→ **Goal of the exercise**: Each line holding the string "IFCLOCALPLACEMENT" is to be copied from the data.

(Dataset entries)
○ ○ ○ ○
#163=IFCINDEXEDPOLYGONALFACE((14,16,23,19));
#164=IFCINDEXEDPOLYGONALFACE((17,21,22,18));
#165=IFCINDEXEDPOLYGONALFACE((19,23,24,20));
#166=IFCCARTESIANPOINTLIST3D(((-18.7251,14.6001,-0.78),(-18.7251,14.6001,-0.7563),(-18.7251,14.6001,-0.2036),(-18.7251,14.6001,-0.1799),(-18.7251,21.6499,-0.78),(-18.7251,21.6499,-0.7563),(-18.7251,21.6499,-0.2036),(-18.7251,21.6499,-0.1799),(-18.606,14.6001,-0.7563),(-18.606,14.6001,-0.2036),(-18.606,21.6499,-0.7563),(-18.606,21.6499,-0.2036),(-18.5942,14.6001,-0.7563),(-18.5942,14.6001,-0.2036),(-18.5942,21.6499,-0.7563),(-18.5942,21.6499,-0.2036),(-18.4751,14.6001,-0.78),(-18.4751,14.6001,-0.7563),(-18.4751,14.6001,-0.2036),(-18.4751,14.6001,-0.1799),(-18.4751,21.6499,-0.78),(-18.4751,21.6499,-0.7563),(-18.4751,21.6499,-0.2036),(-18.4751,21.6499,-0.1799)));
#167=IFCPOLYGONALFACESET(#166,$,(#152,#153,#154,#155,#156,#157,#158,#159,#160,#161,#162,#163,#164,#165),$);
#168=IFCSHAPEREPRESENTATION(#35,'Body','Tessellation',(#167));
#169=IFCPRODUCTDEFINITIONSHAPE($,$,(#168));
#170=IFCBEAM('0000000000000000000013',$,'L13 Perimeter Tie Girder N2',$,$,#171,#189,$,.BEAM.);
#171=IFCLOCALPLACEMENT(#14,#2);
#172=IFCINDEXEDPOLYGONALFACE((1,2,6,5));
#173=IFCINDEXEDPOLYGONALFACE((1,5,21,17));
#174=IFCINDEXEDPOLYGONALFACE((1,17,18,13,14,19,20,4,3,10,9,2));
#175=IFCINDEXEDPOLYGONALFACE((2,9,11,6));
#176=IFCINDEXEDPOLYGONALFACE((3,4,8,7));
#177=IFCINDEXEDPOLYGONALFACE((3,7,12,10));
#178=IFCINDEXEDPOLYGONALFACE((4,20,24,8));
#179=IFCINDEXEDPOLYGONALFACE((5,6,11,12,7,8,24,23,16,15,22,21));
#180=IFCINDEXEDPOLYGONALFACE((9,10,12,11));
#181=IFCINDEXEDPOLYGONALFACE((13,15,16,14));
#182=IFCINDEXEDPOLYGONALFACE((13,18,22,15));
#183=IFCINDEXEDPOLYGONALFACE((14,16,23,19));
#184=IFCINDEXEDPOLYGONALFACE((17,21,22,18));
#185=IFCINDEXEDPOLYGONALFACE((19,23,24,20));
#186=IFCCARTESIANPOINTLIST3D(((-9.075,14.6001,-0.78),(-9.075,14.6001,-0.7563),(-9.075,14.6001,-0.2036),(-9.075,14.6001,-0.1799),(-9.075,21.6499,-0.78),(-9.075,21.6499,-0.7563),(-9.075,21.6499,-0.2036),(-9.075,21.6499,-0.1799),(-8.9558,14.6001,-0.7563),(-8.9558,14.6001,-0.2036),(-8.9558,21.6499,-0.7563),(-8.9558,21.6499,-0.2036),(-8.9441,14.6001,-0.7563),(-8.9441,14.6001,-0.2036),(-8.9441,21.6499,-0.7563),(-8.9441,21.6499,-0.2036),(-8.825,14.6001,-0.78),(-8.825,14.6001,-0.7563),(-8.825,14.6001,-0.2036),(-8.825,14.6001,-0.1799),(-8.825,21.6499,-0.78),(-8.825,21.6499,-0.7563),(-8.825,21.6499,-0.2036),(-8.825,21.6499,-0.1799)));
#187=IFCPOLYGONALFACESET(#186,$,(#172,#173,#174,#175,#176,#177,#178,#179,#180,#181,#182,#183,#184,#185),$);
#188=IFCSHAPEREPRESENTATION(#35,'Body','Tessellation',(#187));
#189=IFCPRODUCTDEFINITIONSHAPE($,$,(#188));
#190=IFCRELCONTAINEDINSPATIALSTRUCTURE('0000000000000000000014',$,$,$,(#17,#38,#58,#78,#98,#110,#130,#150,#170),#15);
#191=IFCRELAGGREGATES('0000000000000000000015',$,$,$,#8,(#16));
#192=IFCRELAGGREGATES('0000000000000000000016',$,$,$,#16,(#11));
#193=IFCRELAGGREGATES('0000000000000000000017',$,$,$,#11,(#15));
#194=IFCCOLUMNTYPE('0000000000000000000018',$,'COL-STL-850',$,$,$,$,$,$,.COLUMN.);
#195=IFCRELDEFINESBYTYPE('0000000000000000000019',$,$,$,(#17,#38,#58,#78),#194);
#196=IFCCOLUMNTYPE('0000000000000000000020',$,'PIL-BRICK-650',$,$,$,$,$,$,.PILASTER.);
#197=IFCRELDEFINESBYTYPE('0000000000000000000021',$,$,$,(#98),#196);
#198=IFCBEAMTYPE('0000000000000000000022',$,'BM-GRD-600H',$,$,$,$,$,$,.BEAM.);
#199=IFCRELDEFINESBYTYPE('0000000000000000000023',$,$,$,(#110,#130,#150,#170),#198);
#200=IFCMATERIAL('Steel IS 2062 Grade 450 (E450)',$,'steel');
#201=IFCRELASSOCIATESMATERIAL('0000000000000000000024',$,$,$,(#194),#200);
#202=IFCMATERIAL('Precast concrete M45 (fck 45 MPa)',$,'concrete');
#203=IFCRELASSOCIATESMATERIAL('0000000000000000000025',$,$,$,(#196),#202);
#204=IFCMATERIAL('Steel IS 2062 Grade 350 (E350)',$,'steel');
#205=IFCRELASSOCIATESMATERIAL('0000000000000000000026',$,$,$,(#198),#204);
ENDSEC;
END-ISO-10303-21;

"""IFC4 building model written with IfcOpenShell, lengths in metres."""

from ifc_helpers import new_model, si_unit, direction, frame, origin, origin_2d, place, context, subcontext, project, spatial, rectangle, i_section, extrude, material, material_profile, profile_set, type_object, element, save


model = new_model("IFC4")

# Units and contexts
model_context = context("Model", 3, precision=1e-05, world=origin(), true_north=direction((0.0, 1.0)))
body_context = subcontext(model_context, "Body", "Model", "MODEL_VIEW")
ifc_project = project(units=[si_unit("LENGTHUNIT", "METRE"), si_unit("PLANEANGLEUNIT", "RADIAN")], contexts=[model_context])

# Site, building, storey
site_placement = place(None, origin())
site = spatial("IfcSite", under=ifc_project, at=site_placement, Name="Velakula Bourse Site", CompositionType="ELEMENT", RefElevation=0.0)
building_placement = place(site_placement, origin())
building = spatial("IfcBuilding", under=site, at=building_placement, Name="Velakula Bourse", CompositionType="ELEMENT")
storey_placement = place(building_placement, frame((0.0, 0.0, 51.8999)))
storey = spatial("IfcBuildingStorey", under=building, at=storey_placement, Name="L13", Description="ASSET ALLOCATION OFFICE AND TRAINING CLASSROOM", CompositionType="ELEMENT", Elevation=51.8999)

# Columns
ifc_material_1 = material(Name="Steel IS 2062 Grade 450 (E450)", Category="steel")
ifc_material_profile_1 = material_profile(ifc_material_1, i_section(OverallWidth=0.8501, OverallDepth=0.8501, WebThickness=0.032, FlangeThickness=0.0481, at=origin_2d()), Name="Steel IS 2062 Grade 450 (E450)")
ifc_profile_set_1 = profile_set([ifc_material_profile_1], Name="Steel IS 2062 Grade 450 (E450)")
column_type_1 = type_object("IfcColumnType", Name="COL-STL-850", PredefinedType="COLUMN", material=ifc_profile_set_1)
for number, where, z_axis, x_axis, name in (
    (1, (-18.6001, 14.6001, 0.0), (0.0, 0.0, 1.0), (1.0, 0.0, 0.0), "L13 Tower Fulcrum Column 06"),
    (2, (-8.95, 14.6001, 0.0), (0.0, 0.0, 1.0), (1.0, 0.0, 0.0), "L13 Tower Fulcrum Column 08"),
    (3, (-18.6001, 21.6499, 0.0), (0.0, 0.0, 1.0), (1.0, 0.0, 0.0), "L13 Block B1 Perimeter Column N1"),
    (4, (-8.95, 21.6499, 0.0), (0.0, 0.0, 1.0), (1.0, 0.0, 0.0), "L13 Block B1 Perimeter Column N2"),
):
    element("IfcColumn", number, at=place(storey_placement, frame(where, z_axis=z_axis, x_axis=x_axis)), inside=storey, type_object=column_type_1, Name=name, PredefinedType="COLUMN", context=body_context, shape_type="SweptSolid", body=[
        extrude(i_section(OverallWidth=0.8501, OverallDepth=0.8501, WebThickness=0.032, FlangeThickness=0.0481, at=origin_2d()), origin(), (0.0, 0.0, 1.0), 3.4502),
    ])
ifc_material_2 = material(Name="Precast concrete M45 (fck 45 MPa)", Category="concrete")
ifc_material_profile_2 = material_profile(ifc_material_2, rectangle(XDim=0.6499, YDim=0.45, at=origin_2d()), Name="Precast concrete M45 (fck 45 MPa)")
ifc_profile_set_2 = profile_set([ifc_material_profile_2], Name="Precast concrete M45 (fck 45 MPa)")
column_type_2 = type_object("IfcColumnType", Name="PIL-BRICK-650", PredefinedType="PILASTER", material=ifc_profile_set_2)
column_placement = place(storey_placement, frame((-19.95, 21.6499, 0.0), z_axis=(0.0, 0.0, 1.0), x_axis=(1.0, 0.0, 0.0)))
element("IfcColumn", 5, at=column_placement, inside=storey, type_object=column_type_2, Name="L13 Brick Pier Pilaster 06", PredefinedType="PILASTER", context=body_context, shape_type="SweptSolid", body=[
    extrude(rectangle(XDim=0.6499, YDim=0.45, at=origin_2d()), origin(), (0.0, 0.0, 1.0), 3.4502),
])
○ ○ ○ ○
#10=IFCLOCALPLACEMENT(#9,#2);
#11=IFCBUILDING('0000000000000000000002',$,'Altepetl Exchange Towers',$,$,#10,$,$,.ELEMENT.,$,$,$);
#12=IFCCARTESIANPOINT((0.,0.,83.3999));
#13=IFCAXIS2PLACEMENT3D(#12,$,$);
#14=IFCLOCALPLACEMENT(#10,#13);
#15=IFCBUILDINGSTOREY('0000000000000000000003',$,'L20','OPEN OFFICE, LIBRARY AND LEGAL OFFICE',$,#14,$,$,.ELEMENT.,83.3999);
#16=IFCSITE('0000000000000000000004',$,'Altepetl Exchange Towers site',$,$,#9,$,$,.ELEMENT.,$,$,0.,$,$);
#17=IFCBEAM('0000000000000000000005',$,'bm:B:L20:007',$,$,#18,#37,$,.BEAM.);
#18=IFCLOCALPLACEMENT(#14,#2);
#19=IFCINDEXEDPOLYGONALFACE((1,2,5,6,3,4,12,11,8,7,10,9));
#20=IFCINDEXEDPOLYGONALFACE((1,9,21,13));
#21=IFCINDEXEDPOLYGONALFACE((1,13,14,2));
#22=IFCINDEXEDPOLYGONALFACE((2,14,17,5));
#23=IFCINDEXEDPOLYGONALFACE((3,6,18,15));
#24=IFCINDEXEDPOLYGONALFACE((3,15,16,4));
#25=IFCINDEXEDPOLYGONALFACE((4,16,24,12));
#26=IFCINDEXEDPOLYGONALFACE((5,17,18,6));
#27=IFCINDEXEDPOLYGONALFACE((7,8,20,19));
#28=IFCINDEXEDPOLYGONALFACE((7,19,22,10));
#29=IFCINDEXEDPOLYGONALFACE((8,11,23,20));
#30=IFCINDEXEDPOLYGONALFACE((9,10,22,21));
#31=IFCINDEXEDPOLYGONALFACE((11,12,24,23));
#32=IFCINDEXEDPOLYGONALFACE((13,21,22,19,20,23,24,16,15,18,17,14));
○ ○ ○ ○
→ **Worked solution**:
#171=IFCLOCALPLACEMENT(#14,#2);
#10=IFCLOCALPLACEMENT(#9,#2);
#14=IFCLOCALPLACEMENT(#10,#13);
#18=IFCLOCALPLACEMENT(#14,#2);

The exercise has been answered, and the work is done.